Look for the line that has "#230=IFCMATERIAL('Concrete C35/45',$,'concrete');" in the material below; please repeat it and every line after it, exactly, up to and including the line that has "#234=IFCMATERIAL('Concrete C40/50',$,'concrete');", and nothing else.
::::::::
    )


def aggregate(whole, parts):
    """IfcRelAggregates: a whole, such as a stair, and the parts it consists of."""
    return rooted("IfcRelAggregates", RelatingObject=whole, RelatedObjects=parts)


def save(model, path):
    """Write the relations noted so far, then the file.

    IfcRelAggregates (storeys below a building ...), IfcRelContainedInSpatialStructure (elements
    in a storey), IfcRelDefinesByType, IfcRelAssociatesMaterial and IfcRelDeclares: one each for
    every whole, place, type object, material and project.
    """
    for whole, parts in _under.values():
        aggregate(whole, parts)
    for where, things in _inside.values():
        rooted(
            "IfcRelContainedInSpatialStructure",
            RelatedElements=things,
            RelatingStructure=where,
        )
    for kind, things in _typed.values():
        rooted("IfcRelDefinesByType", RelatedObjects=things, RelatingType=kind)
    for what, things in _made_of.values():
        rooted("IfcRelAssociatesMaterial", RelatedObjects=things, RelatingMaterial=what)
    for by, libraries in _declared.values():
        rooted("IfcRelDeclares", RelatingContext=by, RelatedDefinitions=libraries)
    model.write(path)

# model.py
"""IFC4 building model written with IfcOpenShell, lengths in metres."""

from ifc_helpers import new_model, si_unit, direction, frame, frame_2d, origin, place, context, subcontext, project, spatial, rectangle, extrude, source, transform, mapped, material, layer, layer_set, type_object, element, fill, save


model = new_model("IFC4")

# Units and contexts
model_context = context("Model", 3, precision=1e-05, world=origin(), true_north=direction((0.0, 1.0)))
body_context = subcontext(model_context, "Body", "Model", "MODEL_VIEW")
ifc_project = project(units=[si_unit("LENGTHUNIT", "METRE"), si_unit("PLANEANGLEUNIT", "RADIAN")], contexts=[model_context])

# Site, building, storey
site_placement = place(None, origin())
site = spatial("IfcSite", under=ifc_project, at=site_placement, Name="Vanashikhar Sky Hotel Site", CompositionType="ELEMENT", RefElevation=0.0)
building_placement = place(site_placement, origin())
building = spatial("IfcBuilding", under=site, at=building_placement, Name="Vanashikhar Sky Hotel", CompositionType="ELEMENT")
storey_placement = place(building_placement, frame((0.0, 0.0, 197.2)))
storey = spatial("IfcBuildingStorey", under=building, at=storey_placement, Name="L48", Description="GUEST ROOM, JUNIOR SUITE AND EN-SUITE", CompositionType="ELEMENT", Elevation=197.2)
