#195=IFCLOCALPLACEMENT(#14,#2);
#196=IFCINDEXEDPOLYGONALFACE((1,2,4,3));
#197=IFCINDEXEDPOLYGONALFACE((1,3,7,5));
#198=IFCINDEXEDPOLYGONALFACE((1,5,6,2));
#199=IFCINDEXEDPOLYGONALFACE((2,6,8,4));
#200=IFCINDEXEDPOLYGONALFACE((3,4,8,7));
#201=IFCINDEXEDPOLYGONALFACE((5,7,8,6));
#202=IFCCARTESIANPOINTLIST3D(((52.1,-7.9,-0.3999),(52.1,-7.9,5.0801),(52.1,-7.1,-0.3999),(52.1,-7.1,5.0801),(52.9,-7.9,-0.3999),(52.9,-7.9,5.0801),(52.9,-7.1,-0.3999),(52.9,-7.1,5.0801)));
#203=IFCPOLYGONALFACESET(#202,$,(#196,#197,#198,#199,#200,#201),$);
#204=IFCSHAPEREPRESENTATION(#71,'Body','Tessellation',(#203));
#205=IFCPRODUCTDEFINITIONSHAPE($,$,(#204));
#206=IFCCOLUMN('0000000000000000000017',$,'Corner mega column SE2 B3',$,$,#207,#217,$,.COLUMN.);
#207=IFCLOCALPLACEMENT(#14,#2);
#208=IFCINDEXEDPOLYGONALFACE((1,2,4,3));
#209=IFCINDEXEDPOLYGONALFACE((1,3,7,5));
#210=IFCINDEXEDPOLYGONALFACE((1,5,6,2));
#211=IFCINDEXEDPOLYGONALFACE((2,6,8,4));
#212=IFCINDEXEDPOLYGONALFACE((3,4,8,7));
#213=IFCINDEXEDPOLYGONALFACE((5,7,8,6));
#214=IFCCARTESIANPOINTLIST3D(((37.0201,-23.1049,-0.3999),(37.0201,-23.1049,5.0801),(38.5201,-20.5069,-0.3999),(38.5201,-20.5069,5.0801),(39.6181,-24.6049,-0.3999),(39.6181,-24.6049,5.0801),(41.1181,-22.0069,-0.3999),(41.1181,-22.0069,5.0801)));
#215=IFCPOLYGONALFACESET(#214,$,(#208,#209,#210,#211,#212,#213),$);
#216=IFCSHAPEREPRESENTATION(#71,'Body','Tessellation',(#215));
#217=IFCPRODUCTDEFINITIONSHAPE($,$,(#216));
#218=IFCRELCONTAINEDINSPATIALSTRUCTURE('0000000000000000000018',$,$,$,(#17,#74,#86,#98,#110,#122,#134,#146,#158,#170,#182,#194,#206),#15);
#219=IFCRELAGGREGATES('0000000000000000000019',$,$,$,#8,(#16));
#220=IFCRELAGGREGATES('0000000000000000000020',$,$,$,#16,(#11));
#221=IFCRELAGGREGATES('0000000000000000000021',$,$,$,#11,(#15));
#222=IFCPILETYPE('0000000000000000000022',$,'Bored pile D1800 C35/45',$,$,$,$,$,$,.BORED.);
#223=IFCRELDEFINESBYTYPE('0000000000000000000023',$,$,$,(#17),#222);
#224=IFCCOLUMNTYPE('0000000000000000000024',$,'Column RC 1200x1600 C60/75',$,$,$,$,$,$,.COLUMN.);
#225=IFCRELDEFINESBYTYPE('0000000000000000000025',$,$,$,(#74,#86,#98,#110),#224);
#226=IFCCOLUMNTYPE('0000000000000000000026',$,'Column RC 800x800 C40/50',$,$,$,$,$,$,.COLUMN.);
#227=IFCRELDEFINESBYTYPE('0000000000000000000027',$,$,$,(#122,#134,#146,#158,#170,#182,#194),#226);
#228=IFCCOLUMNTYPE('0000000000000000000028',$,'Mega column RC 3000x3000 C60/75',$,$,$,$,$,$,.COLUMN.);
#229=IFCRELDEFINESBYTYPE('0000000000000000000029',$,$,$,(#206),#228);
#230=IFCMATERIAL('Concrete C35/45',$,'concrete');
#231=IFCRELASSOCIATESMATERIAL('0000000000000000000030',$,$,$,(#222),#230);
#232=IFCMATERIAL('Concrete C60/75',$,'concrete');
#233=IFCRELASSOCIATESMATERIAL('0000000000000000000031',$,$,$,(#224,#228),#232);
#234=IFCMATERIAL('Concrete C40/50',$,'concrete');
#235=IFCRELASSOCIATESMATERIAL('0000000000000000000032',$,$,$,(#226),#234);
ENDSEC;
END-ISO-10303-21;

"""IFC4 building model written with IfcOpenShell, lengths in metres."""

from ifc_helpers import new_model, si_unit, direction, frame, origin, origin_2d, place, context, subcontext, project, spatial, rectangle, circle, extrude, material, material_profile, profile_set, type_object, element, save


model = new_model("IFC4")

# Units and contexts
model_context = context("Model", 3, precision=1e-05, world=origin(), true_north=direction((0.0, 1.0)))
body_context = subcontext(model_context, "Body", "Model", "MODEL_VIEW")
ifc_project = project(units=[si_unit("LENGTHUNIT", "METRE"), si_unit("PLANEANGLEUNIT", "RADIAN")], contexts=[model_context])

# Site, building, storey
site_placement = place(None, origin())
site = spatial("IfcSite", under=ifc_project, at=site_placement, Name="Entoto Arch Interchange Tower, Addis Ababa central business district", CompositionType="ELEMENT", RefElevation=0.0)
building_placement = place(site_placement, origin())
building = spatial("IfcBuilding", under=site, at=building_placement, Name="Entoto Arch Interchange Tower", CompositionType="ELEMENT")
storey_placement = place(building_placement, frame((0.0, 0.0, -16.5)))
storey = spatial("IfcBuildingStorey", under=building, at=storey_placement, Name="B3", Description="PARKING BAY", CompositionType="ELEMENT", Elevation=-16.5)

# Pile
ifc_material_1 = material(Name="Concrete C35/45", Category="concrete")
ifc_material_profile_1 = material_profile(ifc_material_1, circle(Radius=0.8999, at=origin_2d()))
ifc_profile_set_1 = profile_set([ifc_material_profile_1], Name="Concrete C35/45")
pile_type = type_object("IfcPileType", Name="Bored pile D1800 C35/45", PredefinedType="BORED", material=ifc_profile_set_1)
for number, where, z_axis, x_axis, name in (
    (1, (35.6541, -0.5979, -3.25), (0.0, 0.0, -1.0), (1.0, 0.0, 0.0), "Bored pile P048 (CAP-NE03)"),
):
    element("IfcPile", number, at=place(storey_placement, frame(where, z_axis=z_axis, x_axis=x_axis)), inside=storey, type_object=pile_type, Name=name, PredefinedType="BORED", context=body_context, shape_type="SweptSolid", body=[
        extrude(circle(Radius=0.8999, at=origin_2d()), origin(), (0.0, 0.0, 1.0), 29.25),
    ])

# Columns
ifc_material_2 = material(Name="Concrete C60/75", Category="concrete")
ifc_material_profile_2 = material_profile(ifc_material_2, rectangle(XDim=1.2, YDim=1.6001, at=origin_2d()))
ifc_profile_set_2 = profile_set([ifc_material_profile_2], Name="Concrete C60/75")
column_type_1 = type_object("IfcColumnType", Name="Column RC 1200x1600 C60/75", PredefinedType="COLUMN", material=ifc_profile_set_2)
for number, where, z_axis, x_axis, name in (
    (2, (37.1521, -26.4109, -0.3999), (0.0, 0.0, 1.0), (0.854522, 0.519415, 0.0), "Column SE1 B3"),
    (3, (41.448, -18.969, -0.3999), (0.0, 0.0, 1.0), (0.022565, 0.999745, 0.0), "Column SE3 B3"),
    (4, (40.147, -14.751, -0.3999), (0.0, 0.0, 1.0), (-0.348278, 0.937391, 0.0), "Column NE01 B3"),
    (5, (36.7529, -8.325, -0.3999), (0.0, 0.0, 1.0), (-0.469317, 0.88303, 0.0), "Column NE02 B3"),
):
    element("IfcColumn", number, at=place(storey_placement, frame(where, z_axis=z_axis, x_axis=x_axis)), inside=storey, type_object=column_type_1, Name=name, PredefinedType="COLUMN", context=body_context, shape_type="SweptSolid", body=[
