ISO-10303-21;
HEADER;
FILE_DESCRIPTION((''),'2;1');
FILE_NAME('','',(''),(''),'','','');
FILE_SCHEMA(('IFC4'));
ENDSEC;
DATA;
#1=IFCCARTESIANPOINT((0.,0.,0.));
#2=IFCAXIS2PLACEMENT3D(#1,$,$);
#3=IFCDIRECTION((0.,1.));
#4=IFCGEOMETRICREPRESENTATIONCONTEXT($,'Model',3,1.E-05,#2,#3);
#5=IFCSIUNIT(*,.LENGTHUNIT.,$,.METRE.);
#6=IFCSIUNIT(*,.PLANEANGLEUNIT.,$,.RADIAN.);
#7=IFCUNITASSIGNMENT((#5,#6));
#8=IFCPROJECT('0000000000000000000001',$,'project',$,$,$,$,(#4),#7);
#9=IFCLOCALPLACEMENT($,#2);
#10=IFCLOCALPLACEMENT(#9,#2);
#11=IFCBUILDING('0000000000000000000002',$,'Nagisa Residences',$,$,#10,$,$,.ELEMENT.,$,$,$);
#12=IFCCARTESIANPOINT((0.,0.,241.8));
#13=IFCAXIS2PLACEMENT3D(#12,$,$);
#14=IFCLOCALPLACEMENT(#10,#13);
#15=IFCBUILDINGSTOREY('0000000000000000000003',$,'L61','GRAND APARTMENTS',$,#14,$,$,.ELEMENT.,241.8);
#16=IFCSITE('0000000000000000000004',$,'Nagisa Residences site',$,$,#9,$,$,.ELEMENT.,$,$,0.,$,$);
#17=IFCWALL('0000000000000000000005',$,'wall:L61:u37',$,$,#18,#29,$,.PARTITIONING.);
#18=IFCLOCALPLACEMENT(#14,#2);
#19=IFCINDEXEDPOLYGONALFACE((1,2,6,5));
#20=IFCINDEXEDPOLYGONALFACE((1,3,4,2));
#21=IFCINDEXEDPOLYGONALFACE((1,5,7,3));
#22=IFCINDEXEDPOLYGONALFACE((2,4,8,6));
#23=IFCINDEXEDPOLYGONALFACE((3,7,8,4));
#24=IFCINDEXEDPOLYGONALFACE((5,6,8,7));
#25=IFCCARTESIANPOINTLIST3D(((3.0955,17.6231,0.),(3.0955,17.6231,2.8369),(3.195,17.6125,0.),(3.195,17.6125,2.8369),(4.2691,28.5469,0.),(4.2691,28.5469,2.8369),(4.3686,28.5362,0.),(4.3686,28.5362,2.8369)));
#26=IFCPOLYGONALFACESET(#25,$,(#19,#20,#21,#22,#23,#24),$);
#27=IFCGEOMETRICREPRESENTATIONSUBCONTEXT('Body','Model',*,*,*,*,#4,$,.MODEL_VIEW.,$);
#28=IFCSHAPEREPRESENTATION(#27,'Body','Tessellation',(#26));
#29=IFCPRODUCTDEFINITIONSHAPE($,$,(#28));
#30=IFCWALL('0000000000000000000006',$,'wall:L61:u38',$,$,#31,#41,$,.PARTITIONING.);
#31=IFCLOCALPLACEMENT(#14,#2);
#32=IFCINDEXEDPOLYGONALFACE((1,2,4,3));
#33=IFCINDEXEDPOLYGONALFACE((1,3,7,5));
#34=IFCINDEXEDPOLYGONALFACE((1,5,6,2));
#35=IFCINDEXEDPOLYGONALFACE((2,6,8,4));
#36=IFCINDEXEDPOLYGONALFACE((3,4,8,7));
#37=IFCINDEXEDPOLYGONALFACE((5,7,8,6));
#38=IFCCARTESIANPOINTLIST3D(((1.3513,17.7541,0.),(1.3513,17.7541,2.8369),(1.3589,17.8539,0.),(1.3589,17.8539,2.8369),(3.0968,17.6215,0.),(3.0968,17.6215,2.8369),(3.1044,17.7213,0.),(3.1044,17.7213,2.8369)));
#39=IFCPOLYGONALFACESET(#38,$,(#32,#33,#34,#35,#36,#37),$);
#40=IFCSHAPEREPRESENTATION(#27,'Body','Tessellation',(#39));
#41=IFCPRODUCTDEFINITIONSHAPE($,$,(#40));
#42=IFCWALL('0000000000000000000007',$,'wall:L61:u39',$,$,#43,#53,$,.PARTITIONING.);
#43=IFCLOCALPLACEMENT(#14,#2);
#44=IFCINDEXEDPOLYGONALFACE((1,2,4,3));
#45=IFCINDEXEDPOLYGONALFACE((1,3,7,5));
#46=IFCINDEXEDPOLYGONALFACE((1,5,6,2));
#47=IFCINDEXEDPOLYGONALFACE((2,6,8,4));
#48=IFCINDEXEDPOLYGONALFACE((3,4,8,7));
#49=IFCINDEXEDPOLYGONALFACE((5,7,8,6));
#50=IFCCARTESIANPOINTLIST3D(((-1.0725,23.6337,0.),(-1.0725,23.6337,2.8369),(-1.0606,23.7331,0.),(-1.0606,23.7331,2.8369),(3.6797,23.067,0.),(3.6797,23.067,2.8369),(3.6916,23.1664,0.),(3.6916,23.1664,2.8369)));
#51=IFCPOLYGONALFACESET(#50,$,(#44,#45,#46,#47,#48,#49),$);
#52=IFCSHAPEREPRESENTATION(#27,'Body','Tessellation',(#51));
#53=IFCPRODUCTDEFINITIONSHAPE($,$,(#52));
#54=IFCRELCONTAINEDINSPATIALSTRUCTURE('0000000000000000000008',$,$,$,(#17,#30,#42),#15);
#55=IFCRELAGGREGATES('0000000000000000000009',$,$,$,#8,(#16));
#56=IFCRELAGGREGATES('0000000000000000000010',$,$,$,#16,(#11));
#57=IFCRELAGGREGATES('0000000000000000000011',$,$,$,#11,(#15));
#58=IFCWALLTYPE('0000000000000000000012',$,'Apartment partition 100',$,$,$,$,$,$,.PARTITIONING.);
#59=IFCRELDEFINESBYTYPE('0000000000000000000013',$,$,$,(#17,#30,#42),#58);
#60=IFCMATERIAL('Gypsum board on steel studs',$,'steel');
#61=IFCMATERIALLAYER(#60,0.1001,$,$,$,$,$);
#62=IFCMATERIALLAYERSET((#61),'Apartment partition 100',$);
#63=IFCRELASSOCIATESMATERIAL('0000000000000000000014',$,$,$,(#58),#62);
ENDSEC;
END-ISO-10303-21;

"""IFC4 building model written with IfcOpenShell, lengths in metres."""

from ifc_helpers import new_model, si_unit, direction, frame, frame_2d, origin, place, context, subcontext, project, spatial, rectangle, extrude, material, layer, layer_set, type_object, element, save


model = new_model("IFC4")

# Units and contexts
model_context = context("Model", 3, precision=1e-05, world=origin(), true_north=direction((0.0, 1.0)))
body_context = subcontext(model_context, "Body", "Model", "MODEL_VIEW")
ifc_project = project(units=[si_unit("LENGTHUNIT", "METRE"), si_unit("PLANEANGLEUNIT", "RADIAN")], contexts=[model_context])

# Site, building, storey
site_placement = place(None, origin())
site = spatial("IfcSite", under=ifc_project, at=site_placement, Name="Nagisa Residences site", CompositionType="ELEMENT", RefElevation=0.0)
building_placement = place(site_placement, origin())
building = spatial("IfcBuilding", under=site, at=building_placement, Name="Nagisa Residences", CompositionType="ELEMENT")
storey_placement = place(building_placement, frame((0.0, 0.0, 241.8)))
storey = spatial("IfcBuildingStorey", under=building, at=storey_placement, Name="L61", Description="GRAND APARTMENTS", CompositionType="ELEMENT", Elevation=241.8)

# Shared definitions
ifc_material_1 = material(Name="Gypsum board on steel studs", Category="steel")
ifc_layer_1 = layer(ifc_material_1, 0.1001)
ifc_layer_set_1 = layer_set([ifc_layer_1], Name="Apartment partition 100")
wall_type_1 = type_object("IfcWallType", Name="Apartment partition 100", PredefinedType="PARTITIONING", material=ifc_layer_set_1)

# Walls
wall_1_placement = place(storey_placement, frame((3.1453, 17.6179, 0.0), z_axis=(0.0, 0.0, 1.0), x_axis=(0.106819, 0.994279, 0.0)))
element("IfcWall", 1, at=wall_1_placement, inside=storey, type_object=wall_type_1, Name="wall:L61:u37", PredefinedType="PARTITIONING", context=body_context, shape_type="SweptSolid", body=[
    extrude(rectangle(XDim=10.9866, YDim=0.1001, at=frame_2d((5.4932, 0.0))), origin(), (0.0, 0.0, 1.0), 2.8369),
])
wall_2_placement = place(storey_placement, frame((3.1006, 17.6714, 0.0), z_axis=(0.0, 0.0, 1.0), x_axis=(-0.997128, 0.075737, 0.0)))
element("IfcWall", 2, at=wall_2_placement, inside=storey, type_object=wall_type_1, Name="wall:L61:u38", PredefinedType="PARTITIONING", context=body_context, shape_type="SweptSolid", body=[
    extrude(rectangle(XDim=1.7505, YDim=0.1001, at=frame_2d((0.8752, 0.0))), origin(), (0.0, 0.0, 1.0), 2.8369),
])
wall_3_placement = place(storey_placement, frame((3.6858, 23.1167, 0.0), z_axis=(0.0, 0.0, 1.0), x_axis=(-0.992966, 0.118401, 0.0)))
element("IfcWall", 3, at=wall_3_placement, inside=storey, type_object=wall_type_1, Name="wall:L61:u39", PredefinedType="PARTITIONING", context=body_context, shape_type="SweptSolid", body=[
    extrude(rectangle(XDim=4.7859, YDim=0.1001, at=frame_2d((2.3931, 0.0))), origin(), (0.0, 0.0, 1.0), 2.8369),
])

save(model, "model.ifc")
::::::::
▶ Reply:
#230=IFCMATERIAL('Concrete C35/45',$,'concrete');
#231=IFCRELASSOCIATESMATERIAL('0000000000000000000030',$,$,$,(#222),#230);
#232=IFCMATERIAL('Concrete C60/75',$,'concrete');
#233=IFCRELASSOCIATESMATERIAL('0000000000000000000031',$,$,$,(#224,#228),#232);
#234=IFCMATERIAL('Concrete C40/50',$,'concrete');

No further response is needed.